§ To do: Nothing outside the range below should be printed. Output exactly the lines from the line with "#53=IFCPRODUCTDEFINITIONSHAPE($,$,(#52));" to the line with "#61=IFCINDEXEDPOLYGONALFACE((5,7,8,6));", both included.

Data in this exercise Block Start

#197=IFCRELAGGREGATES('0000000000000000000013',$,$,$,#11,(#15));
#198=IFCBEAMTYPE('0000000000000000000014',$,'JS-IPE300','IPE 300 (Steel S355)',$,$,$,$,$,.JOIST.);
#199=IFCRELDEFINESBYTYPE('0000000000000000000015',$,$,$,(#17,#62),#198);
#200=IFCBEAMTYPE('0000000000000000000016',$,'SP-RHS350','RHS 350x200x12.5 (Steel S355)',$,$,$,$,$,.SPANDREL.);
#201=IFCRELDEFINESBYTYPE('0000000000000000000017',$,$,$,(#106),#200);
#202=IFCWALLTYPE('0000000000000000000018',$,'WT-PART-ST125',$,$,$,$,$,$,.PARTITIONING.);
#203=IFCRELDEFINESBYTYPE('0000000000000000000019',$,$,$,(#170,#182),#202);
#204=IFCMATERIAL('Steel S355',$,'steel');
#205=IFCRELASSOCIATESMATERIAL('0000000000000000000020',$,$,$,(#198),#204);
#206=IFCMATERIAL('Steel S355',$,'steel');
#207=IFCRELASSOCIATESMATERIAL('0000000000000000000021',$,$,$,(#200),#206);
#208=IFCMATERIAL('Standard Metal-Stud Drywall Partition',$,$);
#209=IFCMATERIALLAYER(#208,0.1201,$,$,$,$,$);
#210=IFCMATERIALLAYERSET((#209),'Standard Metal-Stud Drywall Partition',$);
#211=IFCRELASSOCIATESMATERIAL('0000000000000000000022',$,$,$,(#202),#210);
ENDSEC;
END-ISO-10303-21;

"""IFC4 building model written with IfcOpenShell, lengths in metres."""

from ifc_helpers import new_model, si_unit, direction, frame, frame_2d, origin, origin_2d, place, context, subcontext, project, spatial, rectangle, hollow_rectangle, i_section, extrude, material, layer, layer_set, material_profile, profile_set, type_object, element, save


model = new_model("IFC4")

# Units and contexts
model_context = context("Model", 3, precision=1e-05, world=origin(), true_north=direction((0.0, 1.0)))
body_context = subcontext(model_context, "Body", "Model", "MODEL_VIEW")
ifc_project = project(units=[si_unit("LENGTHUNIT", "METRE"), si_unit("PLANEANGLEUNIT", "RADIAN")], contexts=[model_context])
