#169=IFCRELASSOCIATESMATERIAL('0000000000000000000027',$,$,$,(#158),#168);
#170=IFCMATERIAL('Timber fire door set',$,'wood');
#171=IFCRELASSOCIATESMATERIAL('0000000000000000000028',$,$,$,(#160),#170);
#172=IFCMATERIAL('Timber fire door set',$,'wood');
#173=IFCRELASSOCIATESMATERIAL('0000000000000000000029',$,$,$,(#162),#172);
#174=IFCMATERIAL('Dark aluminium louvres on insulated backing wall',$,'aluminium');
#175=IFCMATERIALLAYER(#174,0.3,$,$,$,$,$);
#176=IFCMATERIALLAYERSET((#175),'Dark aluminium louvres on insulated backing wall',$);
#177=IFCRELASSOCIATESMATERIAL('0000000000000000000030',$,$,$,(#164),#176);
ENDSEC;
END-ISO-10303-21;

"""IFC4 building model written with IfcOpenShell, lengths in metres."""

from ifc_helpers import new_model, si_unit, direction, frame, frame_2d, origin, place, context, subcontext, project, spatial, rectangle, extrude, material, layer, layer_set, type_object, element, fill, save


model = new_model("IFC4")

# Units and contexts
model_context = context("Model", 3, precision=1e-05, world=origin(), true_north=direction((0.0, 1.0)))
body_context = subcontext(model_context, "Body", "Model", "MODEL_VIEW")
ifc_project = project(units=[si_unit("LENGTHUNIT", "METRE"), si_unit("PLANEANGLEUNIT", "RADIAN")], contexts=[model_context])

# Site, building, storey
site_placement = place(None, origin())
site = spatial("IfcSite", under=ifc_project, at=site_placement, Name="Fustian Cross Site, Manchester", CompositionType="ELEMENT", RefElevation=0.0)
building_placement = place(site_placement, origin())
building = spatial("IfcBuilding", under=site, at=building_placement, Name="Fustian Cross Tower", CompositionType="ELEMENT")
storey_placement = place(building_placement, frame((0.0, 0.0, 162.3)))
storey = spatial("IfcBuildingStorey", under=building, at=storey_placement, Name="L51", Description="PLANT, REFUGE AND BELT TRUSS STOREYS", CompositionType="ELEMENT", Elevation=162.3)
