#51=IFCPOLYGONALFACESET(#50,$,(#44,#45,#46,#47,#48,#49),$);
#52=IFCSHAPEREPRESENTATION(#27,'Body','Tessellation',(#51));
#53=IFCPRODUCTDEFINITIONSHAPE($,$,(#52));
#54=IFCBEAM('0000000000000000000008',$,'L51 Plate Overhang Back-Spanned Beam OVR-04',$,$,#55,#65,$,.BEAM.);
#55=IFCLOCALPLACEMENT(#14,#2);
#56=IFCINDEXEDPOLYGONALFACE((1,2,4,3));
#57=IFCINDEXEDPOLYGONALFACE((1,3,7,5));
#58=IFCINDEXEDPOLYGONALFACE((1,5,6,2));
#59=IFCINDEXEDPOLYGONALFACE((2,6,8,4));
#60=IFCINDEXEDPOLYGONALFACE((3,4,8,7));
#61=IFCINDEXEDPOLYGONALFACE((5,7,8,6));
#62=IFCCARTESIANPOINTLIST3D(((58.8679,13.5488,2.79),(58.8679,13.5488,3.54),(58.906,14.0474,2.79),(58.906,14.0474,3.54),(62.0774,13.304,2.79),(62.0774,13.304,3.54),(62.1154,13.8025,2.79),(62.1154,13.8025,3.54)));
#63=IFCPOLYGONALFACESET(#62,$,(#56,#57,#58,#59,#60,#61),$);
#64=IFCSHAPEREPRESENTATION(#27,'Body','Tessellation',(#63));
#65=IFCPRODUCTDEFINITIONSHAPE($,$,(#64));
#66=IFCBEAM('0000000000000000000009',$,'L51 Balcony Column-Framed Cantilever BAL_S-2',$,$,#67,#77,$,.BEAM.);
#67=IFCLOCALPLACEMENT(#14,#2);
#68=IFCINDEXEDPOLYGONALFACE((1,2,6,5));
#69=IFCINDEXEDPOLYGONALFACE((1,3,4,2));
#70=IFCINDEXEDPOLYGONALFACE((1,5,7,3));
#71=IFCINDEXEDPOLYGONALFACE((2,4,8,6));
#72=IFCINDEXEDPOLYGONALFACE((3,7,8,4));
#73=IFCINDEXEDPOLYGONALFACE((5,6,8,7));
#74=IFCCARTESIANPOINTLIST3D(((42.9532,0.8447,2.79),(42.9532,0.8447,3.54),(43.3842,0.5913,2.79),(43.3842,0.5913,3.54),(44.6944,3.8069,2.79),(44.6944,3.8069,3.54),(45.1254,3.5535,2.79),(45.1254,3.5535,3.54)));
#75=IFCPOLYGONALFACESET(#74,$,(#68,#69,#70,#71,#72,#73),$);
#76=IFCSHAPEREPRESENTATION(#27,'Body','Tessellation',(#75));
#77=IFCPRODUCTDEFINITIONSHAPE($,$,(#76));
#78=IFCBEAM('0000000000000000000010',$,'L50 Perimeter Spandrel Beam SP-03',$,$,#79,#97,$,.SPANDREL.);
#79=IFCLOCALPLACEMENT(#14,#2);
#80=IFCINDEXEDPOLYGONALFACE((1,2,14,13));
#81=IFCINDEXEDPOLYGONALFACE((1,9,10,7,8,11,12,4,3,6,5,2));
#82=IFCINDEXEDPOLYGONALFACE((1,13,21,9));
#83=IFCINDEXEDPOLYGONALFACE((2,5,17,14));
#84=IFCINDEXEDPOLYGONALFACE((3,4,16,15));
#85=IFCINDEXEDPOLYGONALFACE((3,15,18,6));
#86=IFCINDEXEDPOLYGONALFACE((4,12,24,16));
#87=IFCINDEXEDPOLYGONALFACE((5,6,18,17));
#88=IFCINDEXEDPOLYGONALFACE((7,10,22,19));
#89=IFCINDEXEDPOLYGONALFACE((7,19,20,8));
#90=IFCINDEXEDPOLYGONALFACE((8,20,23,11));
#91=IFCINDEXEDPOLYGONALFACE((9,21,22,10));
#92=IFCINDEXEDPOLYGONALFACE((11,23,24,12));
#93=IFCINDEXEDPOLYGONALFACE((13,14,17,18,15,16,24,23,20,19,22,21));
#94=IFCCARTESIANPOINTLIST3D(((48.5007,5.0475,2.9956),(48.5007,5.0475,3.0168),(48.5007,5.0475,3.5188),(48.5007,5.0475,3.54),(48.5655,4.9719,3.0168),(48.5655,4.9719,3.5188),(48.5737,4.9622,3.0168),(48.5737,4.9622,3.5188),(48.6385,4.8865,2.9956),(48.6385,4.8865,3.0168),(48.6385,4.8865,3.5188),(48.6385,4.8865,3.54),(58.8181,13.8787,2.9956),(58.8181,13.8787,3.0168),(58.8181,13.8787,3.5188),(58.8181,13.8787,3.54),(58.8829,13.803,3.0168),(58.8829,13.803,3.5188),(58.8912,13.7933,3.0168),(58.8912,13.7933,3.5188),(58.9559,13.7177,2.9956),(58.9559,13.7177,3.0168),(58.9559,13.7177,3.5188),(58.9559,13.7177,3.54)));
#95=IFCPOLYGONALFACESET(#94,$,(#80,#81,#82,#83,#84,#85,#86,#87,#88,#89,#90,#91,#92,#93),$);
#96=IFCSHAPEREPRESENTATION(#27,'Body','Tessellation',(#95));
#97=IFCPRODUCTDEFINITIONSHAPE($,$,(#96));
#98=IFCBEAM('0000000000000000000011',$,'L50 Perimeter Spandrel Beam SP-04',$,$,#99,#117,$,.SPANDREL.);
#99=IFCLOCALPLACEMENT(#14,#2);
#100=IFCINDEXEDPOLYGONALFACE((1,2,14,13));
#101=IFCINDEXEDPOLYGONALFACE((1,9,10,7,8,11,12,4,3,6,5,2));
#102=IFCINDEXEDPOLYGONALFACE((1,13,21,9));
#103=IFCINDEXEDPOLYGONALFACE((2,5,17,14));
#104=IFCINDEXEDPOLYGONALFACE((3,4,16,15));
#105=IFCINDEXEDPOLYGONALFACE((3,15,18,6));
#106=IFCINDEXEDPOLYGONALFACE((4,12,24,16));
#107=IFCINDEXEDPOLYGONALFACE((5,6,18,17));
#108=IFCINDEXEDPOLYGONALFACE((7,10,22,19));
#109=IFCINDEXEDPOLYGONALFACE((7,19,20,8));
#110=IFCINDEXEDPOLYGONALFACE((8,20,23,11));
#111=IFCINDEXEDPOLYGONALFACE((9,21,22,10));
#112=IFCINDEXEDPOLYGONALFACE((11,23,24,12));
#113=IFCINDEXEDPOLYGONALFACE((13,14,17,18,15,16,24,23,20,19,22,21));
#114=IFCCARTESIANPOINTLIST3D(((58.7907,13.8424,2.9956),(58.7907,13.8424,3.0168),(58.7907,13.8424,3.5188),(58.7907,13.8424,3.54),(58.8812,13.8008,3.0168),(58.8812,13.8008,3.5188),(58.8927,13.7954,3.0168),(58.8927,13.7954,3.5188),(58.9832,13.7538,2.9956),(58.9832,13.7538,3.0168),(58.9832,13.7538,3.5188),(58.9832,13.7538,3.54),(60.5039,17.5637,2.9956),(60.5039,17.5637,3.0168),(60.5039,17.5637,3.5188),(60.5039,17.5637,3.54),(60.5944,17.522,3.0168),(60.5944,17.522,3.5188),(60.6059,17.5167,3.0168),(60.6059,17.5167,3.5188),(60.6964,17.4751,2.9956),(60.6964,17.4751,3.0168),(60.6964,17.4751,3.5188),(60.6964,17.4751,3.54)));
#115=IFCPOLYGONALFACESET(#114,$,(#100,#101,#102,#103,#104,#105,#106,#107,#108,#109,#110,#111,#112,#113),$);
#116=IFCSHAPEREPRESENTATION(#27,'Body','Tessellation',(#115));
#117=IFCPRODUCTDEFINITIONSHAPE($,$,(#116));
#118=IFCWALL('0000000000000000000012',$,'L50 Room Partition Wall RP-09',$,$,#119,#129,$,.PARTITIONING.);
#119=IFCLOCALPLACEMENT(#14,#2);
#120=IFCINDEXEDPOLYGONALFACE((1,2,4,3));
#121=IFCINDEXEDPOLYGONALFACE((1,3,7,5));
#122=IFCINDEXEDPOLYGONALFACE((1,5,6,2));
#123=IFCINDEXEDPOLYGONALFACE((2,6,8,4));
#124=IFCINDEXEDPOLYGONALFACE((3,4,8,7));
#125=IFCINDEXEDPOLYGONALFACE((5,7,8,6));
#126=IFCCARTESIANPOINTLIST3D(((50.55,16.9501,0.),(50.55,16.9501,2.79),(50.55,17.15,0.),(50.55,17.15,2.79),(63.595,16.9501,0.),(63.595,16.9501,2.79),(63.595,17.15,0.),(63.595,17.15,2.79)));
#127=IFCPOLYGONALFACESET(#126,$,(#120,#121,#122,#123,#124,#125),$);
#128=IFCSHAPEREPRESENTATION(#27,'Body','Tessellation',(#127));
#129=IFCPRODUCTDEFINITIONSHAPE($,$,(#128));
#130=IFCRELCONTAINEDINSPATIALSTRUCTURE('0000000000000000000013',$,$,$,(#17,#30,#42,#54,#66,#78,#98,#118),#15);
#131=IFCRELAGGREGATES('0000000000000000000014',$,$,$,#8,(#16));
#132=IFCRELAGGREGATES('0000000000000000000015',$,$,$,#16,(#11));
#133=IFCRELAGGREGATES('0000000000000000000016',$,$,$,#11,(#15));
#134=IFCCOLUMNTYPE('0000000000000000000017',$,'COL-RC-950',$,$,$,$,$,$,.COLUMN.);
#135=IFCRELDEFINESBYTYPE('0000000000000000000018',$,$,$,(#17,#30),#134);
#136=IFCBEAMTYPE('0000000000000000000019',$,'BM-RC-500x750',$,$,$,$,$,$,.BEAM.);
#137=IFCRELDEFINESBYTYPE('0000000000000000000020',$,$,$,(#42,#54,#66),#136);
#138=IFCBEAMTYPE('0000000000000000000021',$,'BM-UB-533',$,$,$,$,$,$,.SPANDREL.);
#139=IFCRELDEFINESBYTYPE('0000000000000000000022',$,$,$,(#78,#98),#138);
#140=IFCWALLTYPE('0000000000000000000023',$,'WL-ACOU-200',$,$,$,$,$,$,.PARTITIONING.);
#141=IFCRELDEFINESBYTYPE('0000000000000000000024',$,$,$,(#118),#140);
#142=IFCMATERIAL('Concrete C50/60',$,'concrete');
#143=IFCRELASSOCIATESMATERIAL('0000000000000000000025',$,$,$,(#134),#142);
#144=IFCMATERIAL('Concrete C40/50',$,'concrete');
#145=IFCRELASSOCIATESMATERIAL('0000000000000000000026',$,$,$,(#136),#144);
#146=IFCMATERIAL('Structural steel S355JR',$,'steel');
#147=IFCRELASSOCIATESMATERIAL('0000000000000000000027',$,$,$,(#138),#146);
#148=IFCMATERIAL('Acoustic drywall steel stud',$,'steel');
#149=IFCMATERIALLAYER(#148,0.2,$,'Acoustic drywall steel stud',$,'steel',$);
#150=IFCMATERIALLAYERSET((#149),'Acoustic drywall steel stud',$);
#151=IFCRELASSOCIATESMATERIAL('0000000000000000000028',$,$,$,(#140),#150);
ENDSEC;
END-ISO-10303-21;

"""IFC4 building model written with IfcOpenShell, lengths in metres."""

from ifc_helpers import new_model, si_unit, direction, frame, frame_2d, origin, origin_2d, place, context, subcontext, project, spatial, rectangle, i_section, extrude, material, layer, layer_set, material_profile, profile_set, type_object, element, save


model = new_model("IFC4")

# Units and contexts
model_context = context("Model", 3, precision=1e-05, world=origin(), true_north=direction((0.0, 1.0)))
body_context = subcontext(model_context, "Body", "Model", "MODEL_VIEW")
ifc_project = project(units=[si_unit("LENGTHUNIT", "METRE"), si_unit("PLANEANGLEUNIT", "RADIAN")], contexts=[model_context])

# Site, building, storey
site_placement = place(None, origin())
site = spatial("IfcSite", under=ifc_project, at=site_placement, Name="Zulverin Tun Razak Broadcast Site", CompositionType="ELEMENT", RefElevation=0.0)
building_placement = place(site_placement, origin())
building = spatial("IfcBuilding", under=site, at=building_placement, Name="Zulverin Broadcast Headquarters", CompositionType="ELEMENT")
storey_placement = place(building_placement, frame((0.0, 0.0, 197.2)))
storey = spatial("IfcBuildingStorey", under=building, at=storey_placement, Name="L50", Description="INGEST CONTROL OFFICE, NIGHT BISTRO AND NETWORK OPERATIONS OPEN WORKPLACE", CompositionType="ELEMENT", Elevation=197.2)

Data in this exercise Block End

§ Result below:
#53=IFCPRODUCTDEFINITIONSHAPE($,$,(#52));
#54=IFCBEAM('0000000000000000000008',$,'L51 Plate Overhang Back-Spanned Beam OVR-04',$,$,#55,#65,$,.BEAM.);
#55=IFCLOCALPLACEMENT(#14,#2);
#56=IFCINDEXEDPOLYGONALFACE((1,2,4,3));
#57=IFCINDEXEDPOLYGONALFACE((1,3,7,5));
#58=IFCINDEXEDPOLYGONALFACE((1,5,6,2));
#59=IFCINDEXEDPOLYGONALFACE((2,6,8,4));
#60=IFCINDEXEDPOLYGONALFACE((3,4,8,7));
#61=IFCINDEXEDPOLYGONALFACE((5,7,8,6));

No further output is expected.